*** Dataset content ***

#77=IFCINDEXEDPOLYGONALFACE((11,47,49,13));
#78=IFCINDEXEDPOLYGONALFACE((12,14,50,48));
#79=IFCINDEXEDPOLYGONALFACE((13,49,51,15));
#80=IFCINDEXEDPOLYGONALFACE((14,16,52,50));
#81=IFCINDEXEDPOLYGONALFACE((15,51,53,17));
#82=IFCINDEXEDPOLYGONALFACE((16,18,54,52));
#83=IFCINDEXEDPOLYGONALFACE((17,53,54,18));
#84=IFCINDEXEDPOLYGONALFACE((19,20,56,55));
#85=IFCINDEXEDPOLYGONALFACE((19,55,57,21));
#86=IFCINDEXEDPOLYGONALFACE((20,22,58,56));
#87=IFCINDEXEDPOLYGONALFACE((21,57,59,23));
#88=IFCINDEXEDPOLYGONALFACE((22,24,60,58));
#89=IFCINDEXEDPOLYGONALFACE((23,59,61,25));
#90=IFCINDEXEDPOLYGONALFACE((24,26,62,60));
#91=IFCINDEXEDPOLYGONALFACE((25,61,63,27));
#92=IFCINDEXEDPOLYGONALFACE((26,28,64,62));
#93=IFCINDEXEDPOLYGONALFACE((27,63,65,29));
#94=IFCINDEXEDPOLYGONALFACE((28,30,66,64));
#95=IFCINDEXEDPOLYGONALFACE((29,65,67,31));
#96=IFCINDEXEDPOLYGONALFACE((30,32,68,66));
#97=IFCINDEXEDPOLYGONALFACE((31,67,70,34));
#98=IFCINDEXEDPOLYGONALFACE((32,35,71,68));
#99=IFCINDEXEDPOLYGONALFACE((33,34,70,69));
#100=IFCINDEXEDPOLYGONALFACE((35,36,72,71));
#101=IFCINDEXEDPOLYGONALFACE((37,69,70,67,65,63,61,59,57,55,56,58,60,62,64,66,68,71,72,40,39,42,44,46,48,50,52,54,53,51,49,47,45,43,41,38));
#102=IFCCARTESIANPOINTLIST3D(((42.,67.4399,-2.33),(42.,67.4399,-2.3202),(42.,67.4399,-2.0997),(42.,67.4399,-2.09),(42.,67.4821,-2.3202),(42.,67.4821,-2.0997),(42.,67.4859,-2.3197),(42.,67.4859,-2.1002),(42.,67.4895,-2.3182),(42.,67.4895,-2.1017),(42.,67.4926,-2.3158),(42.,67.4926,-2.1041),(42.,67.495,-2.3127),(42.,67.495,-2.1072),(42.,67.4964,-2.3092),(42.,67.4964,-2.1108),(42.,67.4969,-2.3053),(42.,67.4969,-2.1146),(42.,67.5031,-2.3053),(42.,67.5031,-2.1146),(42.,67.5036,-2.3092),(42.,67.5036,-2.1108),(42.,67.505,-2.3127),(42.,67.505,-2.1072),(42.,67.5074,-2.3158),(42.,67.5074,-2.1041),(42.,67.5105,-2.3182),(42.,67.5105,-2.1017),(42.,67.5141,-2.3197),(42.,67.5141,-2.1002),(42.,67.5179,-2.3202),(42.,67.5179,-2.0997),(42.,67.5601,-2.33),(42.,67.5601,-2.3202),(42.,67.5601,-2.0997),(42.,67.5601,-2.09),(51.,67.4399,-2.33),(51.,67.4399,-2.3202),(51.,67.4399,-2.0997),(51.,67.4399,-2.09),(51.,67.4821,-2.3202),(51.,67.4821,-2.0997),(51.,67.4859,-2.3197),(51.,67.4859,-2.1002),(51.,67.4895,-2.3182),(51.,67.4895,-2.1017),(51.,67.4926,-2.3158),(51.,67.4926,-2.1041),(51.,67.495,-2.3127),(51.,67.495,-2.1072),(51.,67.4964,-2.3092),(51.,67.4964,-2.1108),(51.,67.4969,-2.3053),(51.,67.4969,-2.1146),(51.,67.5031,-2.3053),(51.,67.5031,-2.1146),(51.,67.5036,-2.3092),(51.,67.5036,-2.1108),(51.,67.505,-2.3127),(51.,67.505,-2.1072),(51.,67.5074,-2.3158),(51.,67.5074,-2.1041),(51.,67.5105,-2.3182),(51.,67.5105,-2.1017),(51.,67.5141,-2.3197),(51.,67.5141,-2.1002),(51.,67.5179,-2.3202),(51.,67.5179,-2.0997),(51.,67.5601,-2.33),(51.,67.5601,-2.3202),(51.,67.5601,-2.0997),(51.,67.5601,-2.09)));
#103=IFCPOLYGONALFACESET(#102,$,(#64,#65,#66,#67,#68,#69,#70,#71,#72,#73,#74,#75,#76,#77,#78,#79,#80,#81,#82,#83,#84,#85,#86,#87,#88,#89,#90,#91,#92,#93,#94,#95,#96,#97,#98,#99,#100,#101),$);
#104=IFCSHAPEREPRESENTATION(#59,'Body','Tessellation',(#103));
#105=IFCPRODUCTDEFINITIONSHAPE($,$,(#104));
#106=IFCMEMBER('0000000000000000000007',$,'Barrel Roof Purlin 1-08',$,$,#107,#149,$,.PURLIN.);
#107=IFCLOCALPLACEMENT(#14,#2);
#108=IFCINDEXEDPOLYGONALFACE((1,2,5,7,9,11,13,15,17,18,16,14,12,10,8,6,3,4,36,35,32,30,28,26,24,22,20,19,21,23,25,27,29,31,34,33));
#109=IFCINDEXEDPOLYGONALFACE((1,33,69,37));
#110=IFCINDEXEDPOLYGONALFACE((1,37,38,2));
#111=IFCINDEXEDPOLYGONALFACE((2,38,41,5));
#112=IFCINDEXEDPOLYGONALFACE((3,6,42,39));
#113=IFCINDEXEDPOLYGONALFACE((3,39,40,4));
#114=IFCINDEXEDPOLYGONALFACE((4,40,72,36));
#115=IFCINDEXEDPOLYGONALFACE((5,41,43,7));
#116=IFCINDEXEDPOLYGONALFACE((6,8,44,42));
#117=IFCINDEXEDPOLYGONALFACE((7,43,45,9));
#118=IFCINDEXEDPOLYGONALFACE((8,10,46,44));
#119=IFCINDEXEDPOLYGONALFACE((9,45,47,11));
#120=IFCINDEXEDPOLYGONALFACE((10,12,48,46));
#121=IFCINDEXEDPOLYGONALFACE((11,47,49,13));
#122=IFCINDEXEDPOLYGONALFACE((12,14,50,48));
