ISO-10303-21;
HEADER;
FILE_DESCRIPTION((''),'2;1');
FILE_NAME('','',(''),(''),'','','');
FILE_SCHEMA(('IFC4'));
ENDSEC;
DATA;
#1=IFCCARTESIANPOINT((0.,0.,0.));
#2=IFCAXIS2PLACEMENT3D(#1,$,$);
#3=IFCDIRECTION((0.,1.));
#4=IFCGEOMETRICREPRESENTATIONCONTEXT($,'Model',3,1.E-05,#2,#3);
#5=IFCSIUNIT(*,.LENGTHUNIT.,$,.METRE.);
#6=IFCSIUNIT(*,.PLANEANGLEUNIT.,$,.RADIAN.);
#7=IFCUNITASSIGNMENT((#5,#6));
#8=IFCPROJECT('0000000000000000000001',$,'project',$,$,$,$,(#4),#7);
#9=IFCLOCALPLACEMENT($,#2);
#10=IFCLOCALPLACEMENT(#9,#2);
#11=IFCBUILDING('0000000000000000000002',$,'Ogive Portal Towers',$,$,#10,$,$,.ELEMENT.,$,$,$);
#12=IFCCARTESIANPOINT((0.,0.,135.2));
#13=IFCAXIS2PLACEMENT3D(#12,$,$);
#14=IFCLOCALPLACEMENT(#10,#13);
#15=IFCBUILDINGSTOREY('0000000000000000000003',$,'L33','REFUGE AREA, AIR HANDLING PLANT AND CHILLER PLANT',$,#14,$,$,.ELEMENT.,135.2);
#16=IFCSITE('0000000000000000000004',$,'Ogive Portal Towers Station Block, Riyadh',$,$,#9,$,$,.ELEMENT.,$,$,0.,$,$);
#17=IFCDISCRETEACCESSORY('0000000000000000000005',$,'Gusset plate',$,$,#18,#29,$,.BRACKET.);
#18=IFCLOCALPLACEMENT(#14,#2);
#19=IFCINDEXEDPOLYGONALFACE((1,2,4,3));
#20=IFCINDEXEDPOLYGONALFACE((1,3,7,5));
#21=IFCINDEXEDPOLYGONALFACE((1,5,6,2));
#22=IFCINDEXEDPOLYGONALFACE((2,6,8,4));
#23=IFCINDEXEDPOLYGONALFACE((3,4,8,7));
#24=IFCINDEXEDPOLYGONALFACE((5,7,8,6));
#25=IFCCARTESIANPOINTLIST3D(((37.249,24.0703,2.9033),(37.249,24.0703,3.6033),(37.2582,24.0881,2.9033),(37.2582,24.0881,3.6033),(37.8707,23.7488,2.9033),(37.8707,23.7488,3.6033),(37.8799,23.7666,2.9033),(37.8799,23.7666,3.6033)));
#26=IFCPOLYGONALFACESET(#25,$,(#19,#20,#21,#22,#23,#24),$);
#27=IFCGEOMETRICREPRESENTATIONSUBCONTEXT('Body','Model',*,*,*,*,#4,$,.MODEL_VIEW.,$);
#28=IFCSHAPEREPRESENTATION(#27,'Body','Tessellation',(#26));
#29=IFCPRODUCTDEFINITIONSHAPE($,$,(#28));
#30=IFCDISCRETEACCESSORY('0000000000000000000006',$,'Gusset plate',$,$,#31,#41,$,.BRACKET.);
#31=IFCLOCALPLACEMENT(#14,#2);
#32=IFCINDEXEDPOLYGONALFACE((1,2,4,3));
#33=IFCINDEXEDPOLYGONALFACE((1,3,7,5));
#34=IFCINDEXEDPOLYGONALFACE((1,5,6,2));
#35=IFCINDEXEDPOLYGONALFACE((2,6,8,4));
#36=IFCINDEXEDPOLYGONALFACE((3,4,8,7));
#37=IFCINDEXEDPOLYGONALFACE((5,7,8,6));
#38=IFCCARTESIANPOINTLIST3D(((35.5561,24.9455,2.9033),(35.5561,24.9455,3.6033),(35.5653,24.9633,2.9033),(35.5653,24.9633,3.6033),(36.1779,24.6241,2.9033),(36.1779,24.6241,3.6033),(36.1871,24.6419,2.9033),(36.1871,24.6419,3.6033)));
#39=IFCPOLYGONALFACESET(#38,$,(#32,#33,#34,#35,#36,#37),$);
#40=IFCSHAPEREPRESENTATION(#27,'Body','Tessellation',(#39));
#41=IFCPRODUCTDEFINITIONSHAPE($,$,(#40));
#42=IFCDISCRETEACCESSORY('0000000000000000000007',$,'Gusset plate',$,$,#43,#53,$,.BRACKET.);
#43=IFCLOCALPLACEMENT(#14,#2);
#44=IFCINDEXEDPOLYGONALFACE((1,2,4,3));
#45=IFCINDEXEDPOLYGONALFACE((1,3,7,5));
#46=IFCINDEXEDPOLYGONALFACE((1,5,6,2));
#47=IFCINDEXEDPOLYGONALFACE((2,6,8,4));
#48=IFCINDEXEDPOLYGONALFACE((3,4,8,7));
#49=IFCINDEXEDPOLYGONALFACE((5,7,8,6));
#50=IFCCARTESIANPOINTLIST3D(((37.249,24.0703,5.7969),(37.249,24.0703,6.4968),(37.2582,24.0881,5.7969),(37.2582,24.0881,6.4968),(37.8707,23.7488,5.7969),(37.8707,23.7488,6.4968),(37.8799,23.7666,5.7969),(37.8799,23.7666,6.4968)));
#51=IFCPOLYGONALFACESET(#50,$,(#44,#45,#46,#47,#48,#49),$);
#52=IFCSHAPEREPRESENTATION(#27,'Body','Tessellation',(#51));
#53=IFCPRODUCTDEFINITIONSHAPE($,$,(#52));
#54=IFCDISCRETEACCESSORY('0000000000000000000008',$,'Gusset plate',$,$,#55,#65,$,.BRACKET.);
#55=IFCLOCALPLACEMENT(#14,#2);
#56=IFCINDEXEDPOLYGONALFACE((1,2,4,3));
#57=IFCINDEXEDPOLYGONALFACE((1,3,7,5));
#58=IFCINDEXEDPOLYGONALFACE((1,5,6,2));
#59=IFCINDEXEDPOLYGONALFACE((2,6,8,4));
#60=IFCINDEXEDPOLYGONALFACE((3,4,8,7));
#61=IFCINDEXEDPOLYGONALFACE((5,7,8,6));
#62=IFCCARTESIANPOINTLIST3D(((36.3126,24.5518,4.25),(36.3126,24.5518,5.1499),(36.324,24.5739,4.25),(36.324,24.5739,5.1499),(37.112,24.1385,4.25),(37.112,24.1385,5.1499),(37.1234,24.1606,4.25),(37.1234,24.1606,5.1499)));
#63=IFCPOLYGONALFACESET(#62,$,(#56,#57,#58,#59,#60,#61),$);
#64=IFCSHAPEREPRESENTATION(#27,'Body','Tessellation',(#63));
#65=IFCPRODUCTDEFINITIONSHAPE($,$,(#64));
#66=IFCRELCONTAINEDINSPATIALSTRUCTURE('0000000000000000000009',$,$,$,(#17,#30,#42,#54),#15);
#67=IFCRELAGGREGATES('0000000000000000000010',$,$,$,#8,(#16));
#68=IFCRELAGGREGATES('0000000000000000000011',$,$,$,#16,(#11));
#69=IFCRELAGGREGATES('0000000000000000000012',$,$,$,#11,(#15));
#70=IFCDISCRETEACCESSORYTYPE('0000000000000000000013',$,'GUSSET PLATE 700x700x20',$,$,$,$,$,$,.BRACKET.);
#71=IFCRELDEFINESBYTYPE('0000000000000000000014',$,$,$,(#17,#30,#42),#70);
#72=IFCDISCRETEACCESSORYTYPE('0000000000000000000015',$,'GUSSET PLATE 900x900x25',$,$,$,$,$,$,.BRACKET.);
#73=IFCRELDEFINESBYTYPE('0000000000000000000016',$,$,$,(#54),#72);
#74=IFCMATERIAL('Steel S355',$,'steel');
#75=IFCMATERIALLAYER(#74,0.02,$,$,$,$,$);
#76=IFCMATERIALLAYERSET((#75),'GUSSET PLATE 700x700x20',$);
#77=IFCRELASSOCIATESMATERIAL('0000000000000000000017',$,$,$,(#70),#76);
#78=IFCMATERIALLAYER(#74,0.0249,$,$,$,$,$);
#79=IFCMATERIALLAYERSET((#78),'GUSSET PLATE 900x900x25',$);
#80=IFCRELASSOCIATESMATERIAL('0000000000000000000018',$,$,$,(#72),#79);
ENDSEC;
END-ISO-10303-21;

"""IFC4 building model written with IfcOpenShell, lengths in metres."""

from ifc_helpers import new_model, si_unit, direction, frame, origin, origin_2d, place, context, subcontext, project, spatial, rectangle, extrude, material, layer, layer_set, type_object, element, save


model = new_model("IFC4")

# Units and contexts
model_context = context("Model", 3, precision=1e-05, world=origin(), true_north=direction((0.0, 1.0)))
body_context = subcontext(model_context, "Body", "Model", "MODEL_VIEW")
ifc_project = project(units=[si_unit("LENGTHUNIT", "METRE"), si_unit("PLANEANGLEUNIT", "RADIAN")], contexts=[model_context])

# Site, building, storey
site_placement = place(None, origin())
site = spatial("IfcSite", under=ifc_project, at=site_placement, Name="Ogive Portal Towers Station Block, Riyadh", CompositionType="ELEMENT", RefElevation=0.0)
building_placement = place(site_placement, origin())
building = spatial("IfcBuilding", under=site, at=building_placement, Name="Ogive Portal Towers", CompositionType="ELEMENT")
storey_placement = place(building_placement, frame((0.0, 0.0, 135.2)))
storey = spatial("IfcBuildingStorey", under=building, at=storey_placement, Name="L33", Description="REFUGE AREA, AIR HANDLING PLANT AND CHILLER PLANT", CompositionType="ELEMENT", Elevation=135.2)

# Shared definitions
ifc_material_1 = material(Name="Steel S355", Category="steel")

# Discrete accessories
ifc_layer_1 = layer(ifc_material_1, 0.02)
ifc_layer_set_1 = layer_set([ifc_layer_1], Name="GUSSET PLATE 700x700x20")
discrete_accessory_type_1 = type_object("IfcDiscreteAccessoryType", Name="GUSSET PLATE 700x700x20", PredefinedType="BRACKET", material=ifc_layer_set_1)
for number, where, z_axis, x_axis, name in (
    (1, (37.5645, 23.9185, 2.9033), (0.0, 0.0, 1.0), (0.888321, -0.459223, 0.0), "Gusset plate"),
    (2, (35.8716, 24.7937, 2.9033), (0.0, 0.0, 1.0), (0.888321, -0.459223, 0.0), "Gusset plate"),
    (3, (37.5645, 23.9185, 5.7969), (0.0, 0.0, 1.0), (0.888321, -0.459223, 0.0), "Gusset plate"),
):
    element("IfcDiscreteAccessory", number, at=place(storey_placement, frame(where, z_axis=z_axis, x_axis=x_axis)), inside=storey, type_object=discrete_accessory_type_1, Name=name, PredefinedType="BRACKET", context=body_context, shape_type="SweptSolid", body=[
        extrude(rectangle(XDim=0.7, YDim=0.02, at=origin_2d()), origin(), (0.0, 0.0, 1.0), 0.7),
    ])
ifc_layer_2 = layer(ifc_material_1, 0.0249)
ifc_layer_set_2 = layer_set([ifc_layer_2], Name="GUSSET PLATE 900x900x25")
discrete_accessory_type_2 = type_object("IfcDiscreteAccessoryType", Name="GUSSET PLATE 900x900x25", PredefinedType="BRACKET", material=ifc_layer_set_2)
discrete_accessory_placement = place(storey_placement, frame((36.718, 24.3562, 4.25), z_axis=(0.0, 0.0, 1.0), x_axis=(0.888321, -0.459223, 0.0)))
element("IfcDiscreteAccessory", 4, at=discrete_accessory_placement, inside=storey, type_object=discrete_accessory_type_2, Name="Gusset plate", PredefinedType="BRACKET", context=body_context, shape_type="SweptSolid", body=[
    extrude(rectangle(XDim=0.8999, YDim=0.0249, at=origin_2d()), origin(), (0.0, 0.0, 1.0), 0.8999),
])

save(model, "model.ifc")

*** End of Dataset content ***

§ **Exercise description**:
Filter the records down to the lines containing the word "IFCRELASSOCIATESMATERIAL", and copy those.

§ **Solution**:
#77=IFCRELASSOCIATESMATERIAL('0000000000000000000017',$,$,$,(#70),#76);
#80=IFCRELASSOCIATESMATERIAL('0000000000000000000018',$,$,$,(#72),#79);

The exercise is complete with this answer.